Please tally the lines in the records that include the word "IFCCOLUMNTYPE" and answer with the bare number.
[[ EXTRACTED RECORDS open ]]
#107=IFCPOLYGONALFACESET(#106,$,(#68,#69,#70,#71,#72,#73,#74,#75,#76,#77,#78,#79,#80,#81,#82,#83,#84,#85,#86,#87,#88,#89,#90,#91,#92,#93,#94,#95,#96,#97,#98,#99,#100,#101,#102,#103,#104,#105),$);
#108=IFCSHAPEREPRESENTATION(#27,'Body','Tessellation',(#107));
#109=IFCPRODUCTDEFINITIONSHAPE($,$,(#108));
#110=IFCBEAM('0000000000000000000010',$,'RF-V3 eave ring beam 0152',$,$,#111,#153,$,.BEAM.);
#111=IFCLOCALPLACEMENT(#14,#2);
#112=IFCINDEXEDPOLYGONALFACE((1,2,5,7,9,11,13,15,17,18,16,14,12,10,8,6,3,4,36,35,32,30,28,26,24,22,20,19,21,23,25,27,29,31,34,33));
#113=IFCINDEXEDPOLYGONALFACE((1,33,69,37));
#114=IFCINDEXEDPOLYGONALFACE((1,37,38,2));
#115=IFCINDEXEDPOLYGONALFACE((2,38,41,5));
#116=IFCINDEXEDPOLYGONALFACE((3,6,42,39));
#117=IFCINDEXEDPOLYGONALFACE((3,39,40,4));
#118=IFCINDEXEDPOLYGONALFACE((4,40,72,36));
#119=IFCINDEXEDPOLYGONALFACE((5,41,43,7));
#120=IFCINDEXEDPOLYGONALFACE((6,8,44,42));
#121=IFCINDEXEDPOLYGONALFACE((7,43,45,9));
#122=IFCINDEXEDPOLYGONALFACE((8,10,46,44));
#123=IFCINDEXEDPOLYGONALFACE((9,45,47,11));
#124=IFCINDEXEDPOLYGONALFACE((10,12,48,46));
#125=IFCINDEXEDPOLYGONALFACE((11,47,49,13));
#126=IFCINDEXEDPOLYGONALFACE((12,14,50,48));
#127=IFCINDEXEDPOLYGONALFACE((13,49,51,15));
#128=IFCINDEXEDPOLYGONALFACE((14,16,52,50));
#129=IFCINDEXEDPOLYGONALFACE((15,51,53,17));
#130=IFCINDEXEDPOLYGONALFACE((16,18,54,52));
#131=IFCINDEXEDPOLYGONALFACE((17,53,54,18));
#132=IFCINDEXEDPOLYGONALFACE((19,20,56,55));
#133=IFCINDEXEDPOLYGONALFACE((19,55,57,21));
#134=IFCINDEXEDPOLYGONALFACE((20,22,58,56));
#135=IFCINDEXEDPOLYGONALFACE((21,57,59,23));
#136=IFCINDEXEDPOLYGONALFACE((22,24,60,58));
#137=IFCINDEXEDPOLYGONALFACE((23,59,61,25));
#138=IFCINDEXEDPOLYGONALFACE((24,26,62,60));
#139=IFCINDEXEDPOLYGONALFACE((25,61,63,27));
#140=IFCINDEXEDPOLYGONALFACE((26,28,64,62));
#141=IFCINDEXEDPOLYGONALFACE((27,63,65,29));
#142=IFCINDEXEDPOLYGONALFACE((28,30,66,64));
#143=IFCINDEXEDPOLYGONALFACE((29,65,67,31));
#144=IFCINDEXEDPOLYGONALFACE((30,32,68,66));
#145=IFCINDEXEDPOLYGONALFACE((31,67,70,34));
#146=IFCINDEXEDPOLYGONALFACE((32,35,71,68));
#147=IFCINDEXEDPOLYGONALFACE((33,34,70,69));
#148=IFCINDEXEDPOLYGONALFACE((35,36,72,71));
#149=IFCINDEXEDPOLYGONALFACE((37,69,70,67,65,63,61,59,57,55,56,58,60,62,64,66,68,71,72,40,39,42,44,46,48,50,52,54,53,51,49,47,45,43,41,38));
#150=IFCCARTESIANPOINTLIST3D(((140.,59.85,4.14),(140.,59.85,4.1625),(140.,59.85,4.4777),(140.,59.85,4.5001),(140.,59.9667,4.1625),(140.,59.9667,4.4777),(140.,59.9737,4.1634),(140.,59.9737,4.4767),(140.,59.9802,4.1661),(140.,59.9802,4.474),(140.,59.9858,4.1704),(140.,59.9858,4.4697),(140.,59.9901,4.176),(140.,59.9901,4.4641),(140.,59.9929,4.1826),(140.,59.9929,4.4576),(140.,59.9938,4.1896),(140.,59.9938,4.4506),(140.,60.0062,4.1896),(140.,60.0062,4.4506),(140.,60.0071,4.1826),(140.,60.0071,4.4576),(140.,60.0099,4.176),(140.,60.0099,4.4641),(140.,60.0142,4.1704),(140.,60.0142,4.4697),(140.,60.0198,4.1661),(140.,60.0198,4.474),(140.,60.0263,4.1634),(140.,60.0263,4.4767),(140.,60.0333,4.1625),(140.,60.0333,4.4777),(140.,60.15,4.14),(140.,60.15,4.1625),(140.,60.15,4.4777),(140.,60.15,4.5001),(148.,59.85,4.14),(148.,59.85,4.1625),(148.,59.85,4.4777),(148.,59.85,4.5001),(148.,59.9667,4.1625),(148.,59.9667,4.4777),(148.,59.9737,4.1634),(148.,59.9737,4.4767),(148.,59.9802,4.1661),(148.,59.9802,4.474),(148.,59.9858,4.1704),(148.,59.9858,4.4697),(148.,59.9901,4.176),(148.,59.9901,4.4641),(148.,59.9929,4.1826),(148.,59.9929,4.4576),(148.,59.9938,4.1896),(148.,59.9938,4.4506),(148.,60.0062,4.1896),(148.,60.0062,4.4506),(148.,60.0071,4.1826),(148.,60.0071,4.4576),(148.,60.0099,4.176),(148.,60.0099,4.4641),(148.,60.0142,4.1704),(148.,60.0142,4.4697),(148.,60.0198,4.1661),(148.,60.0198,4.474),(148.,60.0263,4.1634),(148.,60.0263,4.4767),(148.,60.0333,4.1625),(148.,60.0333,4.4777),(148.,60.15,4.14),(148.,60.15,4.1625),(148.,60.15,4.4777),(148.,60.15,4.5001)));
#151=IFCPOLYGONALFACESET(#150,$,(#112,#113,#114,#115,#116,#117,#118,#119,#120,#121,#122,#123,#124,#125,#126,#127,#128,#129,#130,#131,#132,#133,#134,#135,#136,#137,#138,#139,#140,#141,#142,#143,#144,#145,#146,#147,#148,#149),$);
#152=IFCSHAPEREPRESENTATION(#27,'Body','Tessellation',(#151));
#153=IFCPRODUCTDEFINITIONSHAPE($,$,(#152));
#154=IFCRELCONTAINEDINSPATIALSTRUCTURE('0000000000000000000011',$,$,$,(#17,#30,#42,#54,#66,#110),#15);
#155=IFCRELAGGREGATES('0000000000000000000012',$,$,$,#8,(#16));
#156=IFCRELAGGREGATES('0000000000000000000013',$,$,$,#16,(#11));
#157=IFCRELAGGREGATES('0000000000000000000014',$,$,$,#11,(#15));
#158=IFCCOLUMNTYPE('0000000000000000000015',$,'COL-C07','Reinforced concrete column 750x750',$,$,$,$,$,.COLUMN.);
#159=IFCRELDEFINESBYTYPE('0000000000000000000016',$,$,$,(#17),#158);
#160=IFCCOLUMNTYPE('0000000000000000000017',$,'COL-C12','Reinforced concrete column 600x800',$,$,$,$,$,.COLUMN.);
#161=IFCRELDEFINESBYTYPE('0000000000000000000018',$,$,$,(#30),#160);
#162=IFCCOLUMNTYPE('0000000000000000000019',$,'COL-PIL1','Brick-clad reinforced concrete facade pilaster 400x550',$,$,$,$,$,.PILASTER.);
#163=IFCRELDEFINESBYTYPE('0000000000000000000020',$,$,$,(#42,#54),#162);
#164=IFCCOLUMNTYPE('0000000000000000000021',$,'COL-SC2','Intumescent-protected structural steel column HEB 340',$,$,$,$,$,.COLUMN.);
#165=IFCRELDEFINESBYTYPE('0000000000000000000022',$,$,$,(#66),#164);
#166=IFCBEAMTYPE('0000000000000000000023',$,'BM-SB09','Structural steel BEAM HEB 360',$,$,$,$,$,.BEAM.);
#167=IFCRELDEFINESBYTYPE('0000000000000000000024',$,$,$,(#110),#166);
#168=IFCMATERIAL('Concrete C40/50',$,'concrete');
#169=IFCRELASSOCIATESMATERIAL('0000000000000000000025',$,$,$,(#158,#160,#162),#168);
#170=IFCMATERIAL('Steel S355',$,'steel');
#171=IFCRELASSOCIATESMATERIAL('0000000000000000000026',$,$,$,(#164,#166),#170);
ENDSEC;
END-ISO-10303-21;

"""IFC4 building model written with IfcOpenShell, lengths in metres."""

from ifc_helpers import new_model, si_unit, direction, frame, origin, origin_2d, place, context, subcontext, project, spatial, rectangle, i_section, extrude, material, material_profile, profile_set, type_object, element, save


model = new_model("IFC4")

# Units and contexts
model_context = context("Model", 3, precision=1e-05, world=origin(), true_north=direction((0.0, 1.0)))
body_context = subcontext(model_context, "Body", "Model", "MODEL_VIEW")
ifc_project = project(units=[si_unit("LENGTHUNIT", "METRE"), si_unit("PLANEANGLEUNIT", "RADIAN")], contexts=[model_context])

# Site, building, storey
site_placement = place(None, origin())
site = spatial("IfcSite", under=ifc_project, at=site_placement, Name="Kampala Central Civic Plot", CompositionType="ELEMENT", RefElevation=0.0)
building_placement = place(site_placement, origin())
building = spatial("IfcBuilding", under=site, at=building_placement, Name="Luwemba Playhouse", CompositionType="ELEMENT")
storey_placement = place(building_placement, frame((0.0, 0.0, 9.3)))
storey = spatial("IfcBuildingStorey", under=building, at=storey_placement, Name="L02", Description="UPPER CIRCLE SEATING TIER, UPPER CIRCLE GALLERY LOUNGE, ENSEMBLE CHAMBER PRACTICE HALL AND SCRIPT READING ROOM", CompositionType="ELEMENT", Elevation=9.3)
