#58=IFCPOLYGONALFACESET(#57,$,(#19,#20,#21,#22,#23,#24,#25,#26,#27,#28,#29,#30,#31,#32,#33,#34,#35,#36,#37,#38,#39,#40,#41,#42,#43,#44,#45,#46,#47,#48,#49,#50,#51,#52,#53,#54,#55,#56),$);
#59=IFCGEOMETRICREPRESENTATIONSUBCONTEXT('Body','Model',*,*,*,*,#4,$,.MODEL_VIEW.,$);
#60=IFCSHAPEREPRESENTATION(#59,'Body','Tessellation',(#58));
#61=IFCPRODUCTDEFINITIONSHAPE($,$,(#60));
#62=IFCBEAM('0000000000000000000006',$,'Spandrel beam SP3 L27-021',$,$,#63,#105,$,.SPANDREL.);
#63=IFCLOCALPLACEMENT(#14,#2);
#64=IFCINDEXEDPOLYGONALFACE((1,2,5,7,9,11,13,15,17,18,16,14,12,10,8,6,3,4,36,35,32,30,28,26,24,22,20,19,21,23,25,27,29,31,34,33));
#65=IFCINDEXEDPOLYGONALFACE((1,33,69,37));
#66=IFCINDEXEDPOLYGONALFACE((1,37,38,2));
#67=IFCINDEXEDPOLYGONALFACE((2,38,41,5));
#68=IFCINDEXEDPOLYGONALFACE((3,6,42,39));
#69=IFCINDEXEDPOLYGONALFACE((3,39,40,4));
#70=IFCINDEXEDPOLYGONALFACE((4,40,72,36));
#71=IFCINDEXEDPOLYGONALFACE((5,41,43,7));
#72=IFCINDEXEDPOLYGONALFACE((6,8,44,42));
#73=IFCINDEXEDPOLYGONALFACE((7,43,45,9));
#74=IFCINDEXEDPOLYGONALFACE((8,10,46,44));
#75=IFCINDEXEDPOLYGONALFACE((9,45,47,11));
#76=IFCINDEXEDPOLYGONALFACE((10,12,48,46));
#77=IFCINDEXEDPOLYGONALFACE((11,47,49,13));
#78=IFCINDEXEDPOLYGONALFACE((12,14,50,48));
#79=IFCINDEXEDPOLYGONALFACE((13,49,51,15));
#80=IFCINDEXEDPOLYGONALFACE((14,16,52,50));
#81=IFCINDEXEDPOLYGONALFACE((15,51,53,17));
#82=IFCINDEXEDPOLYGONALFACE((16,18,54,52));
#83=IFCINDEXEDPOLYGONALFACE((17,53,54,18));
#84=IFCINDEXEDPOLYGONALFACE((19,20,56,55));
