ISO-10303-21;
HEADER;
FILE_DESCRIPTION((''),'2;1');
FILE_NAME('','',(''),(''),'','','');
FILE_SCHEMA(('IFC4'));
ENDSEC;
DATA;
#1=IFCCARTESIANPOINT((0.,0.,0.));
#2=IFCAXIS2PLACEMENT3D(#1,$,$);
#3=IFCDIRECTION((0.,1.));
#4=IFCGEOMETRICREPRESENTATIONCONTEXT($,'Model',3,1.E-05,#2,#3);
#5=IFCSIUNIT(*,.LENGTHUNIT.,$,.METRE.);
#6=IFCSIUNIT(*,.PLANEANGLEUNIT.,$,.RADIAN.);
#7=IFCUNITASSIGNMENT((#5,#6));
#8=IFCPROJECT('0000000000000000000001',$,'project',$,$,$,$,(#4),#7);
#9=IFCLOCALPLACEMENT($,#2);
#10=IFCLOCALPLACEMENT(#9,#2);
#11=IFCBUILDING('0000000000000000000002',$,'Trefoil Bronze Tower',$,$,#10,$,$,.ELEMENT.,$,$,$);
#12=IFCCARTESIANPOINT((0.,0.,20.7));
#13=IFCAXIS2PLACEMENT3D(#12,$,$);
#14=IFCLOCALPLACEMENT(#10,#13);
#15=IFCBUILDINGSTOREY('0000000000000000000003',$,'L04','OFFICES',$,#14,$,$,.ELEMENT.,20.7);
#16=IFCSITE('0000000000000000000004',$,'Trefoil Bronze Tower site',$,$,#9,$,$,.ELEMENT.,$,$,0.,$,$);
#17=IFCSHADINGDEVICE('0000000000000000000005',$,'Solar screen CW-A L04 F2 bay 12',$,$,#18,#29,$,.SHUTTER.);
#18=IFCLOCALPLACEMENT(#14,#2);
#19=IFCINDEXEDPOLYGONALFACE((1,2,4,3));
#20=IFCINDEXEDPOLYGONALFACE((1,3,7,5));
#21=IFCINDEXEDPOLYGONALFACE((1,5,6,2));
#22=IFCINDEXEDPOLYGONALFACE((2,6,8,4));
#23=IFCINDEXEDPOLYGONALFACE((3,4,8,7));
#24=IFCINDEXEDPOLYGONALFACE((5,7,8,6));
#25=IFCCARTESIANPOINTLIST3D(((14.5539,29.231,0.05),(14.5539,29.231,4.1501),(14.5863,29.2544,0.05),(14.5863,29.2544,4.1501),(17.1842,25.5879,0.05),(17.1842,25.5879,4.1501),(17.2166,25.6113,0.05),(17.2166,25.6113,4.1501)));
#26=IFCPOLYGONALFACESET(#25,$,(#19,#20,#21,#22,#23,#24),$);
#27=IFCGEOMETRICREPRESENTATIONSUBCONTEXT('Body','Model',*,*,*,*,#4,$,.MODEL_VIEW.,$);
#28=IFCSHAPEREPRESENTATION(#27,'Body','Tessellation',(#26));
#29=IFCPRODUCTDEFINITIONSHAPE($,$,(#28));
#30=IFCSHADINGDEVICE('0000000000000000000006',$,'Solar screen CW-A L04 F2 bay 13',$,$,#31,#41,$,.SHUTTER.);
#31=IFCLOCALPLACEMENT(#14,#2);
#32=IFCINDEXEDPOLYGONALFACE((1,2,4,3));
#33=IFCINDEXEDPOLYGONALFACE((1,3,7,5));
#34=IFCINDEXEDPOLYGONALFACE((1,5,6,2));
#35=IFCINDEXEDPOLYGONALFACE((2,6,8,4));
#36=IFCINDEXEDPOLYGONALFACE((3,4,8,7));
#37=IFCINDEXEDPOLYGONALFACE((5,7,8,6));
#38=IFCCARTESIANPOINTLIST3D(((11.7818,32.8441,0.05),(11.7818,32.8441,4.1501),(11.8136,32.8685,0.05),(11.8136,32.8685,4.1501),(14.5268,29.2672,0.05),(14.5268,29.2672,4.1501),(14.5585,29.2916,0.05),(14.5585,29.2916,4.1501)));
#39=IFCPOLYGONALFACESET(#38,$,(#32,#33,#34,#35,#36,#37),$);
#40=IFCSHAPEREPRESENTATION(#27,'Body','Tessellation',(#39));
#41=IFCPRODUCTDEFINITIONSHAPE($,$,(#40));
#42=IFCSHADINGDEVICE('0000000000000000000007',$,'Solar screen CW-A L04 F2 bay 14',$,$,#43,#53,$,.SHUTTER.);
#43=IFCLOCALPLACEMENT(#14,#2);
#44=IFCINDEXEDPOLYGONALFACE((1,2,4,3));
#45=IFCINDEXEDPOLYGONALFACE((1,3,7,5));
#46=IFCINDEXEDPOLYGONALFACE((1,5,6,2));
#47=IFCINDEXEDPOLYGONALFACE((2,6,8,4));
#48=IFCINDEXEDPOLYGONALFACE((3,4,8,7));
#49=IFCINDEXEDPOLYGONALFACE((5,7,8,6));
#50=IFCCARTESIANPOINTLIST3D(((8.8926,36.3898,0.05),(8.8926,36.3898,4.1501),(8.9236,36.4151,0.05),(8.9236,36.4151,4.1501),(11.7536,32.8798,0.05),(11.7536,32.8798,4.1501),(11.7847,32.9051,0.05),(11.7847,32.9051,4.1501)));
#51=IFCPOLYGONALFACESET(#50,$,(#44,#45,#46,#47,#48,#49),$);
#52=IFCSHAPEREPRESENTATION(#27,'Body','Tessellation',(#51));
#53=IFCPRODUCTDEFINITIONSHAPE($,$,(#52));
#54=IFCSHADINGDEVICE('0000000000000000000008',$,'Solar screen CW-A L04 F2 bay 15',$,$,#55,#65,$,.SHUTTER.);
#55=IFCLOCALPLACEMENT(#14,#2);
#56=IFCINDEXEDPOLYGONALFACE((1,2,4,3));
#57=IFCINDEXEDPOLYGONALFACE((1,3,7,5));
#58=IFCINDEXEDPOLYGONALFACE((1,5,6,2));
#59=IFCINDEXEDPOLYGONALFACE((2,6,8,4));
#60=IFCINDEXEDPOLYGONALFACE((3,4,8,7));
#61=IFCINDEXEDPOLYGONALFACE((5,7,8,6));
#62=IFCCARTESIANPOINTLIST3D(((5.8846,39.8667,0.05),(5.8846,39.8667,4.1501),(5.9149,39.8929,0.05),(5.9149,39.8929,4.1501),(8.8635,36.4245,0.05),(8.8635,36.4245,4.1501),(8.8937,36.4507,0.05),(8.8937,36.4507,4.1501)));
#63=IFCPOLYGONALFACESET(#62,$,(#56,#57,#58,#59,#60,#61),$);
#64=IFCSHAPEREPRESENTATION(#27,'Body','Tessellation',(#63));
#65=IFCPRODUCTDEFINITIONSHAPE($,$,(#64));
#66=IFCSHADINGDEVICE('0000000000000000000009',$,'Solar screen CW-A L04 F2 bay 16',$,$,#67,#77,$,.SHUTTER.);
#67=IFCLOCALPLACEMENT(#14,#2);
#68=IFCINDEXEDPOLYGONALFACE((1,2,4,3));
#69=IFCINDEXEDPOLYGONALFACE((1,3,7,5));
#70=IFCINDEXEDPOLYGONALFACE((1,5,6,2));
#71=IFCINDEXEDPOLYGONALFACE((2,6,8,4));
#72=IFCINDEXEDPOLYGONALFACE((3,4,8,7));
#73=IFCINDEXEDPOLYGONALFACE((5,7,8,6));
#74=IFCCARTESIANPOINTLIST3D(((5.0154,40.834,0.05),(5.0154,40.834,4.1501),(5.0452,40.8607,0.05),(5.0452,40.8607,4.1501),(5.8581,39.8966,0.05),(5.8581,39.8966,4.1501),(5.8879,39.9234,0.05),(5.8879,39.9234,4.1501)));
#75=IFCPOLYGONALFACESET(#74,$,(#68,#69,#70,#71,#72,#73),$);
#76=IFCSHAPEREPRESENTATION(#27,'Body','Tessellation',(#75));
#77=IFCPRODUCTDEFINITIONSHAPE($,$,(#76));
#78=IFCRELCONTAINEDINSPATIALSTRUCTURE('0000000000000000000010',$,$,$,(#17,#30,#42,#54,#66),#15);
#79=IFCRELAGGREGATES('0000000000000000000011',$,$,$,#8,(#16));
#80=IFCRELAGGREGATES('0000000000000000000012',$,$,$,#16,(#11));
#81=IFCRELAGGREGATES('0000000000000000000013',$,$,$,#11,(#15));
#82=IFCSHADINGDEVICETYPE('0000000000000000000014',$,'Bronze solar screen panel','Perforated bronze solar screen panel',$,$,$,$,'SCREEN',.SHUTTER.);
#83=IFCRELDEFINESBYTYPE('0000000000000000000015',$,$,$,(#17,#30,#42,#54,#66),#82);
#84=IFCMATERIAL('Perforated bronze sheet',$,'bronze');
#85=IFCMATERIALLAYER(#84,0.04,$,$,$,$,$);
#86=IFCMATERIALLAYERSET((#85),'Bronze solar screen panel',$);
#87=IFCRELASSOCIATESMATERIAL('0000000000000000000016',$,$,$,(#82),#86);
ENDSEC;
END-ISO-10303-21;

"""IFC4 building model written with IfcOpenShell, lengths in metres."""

from ifc_helpers import new_model, si_unit, direction, frame, origin, origin_2d, place, context, subcontext, project, spatial, rectangle, extrude, material, layer, layer_set, type_object, element, save


model = new_model("IFC4")

# Units and contexts
model_context = context("Model", 3, precision=1e-05, world=origin(), true_north=direction((0.0, 1.0)))
body_context = subcontext(model_context, "Body", "Model", "MODEL_VIEW")
ifc_project = project(units=[si_unit("LENGTHUNIT", "METRE"), si_unit("PLANEANGLEUNIT", "RADIAN")], contexts=[model_context])

# Site, building, storey
site_placement = place(None, origin())
site = spatial("IfcSite", under=ifc_project, at=site_placement, Name="Trefoil Bronze Tower site", CompositionType="ELEMENT", RefElevation=0.0)
building_placement = place(site_placement, origin())
building = spatial("IfcBuilding", under=site, at=building_placement, Name="Trefoil Bronze Tower", CompositionType="ELEMENT")
storey_placement = place(building_placement, frame((0.0, 0.0, 20.7)))
storey = spatial("IfcBuildingStorey", under=building, at=storey_placement, Name="L04", Description="OFFICES", CompositionType="ELEMENT", Elevation=20.7)

# Shading devices
ifc_material_1 = material(Name="Perforated bronze sheet", Category="bronze")
ifc_layer_1 = layer(ifc_material_1, 0.04)
ifc_layer_set_1 = layer_set([ifc_layer_1], Name="Bronze solar screen panel")
shading_device_type = type_object("IfcShadingDeviceType", Name="Bronze solar screen panel", Description="Perforated bronze solar screen panel", ElementType="SCREEN", PredefinedType="SHUTTER", material=ifc_layer_set_1)
shading_device_1_placement = place(storey_placement, frame((15.8853, 27.4211, 0.05), z_axis=(0.0, 0.0, 1.0), x_axis=(-0.585373, 0.810764, 0.0)))
element("IfcShadingDevice", 1, at=shading_device_1_placement, inside=storey, type_object=shading_device_type, Name="Solar screen CW-A L04 F2 bay 12", PredefinedType="SHUTTER", context=body_context, shape_type="SweptSolid", body=[
    extrude(rectangle(XDim=4.4934, YDim=0.04, at=origin_2d()), origin(), (0.0, 0.0, 1.0), 4.1001),
])
shading_device_2_placement = place(storey_placement, frame((13.1702, 31.0679, 0.05), z_axis=(0.0, 0.0, 1.0), x_axis=(-0.608808, 0.793318, 0.0)))
element("IfcShadingDevice", 2, at=shading_device_2_placement, inside=storey, type_object=shading_device_type, Name="Solar screen CW-A L04 F2 bay 13", PredefinedType="SHUTTER", context=body_context, shape_type="SweptSolid", body=[
    extrude(rectangle(XDim=4.5088, YDim=0.04, at=origin_2d()), origin(), (0.0, 0.0, 1.0), 4.1001),
])
shading_device_3_placement = place(storey_placement, frame((10.3386, 34.6475, 0.05), z_axis=(0.0, 0.0, 1.0), x_axis=(-0.631811, 0.775123, 0.0)))
element("IfcShadingDevice", 3, at=shading_device_3_placement, inside=storey, type_object=shading_device_type, Name="Solar screen CW-A L04 F2 bay 14", PredefinedType="SHUTTER", context=body_context, shape_type="SweptSolid", body=[
    extrude(rectangle(XDim=4.5283, YDim=0.04, at=origin_2d()), origin(), (0.0, 0.0, 1.0), 4.1001),
])
shading_device_4_placement = place(storey_placement, frame((7.3892, 38.1587, 0.05), z_axis=(0.0, 0.0, 1.0), x_axis=(-0.654376, 0.756169, 0.0)))
element("IfcShadingDevice", 4, at=shading_device_4_placement, inside=storey, type_object=shading_device_type, Name="Solar screen CW-A L04 F2 bay 15", PredefinedType="SHUTTER", context=body_context, shape_type="SweptSolid", body=[
    extrude(rectangle(XDim=4.5522, YDim=0.04, at=origin_2d()), origin(), (0.0, 0.0, 1.0), 4.1001),
])
shading_device_5_placement = place(storey_placement, frame((5.4517, 40.3787, 0.05), z_axis=(0.0, 0.0, 1.0), x_axis=(-0.668575, 0.743645, 0.0)))
element("IfcShadingDevice", 5, at=shading_device_5_placement, inside=storey, type_object=shading_device_type, Name="Solar screen CW-A L04 F2 bay 16", PredefinedType="SHUTTER", context=body_context, shape_type="SweptSolid", body=[
    extrude(rectangle(XDim=1.2605, YDim=0.04, at=origin_2d()), origin(), (0.0, 0.0, 1.0), 4.1001),
])

save(model, "model.ifc")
[[ EXTRACTED RECORDS closed ]]
▶ **ANSWER SECTION**
4